Exercise data Block Start

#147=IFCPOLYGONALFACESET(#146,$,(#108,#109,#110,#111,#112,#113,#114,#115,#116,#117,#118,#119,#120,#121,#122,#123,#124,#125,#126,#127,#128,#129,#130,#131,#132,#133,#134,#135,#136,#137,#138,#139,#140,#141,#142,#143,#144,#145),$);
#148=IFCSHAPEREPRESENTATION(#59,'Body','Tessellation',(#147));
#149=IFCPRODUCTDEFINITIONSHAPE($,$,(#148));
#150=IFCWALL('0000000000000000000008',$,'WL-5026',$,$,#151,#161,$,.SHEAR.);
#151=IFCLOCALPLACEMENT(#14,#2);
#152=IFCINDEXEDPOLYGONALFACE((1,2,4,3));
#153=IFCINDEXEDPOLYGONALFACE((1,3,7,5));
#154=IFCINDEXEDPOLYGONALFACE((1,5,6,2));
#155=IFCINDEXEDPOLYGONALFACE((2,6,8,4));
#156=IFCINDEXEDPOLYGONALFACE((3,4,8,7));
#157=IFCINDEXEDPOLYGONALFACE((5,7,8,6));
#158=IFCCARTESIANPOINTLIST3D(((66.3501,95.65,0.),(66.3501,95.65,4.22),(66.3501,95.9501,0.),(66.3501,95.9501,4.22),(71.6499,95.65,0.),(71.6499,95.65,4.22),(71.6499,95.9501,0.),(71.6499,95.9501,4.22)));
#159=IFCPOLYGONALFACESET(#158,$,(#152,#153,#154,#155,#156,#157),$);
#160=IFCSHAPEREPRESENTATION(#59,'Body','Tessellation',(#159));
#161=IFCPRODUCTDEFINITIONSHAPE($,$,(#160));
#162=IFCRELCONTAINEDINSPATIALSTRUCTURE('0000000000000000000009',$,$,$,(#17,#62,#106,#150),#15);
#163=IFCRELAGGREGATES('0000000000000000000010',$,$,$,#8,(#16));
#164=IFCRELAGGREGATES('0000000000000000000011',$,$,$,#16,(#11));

Exercise data Block End
Exercise data Block Start

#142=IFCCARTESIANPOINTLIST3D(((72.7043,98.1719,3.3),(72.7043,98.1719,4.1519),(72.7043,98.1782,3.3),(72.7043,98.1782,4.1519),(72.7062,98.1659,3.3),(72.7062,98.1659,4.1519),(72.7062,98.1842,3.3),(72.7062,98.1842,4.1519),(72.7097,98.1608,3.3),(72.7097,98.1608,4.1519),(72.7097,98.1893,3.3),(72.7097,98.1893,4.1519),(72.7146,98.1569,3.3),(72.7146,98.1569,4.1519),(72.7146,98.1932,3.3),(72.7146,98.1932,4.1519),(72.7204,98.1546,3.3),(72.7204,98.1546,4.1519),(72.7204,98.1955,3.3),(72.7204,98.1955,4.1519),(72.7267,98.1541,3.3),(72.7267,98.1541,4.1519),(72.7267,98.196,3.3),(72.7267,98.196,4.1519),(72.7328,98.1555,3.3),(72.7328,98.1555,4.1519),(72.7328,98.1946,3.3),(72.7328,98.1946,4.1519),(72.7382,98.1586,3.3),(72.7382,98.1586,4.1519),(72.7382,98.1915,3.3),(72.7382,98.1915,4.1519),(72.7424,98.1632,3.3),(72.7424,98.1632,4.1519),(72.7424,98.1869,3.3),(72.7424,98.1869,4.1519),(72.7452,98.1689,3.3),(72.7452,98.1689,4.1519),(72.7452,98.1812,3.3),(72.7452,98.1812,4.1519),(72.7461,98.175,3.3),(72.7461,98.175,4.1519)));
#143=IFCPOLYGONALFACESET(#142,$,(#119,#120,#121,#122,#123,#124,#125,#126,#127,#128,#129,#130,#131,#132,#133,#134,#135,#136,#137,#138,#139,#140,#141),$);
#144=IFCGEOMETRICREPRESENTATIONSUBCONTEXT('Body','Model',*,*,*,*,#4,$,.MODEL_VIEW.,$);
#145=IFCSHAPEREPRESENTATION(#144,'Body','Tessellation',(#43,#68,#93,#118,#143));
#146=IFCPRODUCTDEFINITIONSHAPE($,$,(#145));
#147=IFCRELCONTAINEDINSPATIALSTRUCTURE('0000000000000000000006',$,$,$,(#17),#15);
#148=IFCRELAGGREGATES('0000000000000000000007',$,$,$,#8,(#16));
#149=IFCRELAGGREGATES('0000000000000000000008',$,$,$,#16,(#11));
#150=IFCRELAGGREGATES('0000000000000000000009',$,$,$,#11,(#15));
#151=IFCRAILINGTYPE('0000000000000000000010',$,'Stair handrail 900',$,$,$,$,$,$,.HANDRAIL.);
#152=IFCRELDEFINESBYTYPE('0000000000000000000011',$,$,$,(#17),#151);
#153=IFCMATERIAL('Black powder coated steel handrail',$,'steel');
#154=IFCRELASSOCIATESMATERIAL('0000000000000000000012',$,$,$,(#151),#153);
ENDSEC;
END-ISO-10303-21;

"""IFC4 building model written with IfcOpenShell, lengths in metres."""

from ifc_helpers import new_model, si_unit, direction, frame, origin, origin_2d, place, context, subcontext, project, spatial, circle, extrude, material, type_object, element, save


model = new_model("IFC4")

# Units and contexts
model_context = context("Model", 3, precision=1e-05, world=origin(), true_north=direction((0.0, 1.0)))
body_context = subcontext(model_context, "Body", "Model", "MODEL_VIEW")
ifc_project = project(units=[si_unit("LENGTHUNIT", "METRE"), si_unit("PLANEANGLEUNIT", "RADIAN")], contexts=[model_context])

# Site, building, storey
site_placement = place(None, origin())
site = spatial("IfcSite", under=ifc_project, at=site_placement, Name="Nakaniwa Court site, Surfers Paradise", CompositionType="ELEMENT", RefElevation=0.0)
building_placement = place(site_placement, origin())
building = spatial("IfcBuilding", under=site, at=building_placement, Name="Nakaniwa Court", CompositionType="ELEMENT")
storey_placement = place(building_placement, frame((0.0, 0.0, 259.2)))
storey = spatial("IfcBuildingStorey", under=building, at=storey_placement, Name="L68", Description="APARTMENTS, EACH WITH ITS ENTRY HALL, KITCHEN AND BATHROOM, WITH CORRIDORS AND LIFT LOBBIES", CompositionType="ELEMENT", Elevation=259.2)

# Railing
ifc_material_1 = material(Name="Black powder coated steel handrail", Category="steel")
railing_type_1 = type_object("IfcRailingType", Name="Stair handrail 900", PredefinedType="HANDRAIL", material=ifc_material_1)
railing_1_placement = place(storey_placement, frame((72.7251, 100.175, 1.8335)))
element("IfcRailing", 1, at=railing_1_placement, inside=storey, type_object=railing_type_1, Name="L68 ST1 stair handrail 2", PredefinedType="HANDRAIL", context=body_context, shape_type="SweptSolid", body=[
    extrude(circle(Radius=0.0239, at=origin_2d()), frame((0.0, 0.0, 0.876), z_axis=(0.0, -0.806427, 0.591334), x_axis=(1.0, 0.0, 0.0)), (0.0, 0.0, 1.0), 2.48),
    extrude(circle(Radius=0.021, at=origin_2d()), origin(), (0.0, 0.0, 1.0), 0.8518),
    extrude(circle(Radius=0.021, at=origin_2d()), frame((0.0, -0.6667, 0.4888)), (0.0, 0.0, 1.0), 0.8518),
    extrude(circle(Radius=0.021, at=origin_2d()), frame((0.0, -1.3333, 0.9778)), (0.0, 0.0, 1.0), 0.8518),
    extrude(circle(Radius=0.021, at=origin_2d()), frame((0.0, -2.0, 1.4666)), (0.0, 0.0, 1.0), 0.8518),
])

Exercise data Block End

__Your objective__
Tally up the lines holding the string "PredefinedType" in this listing, and report the total alone.

__Reply__
2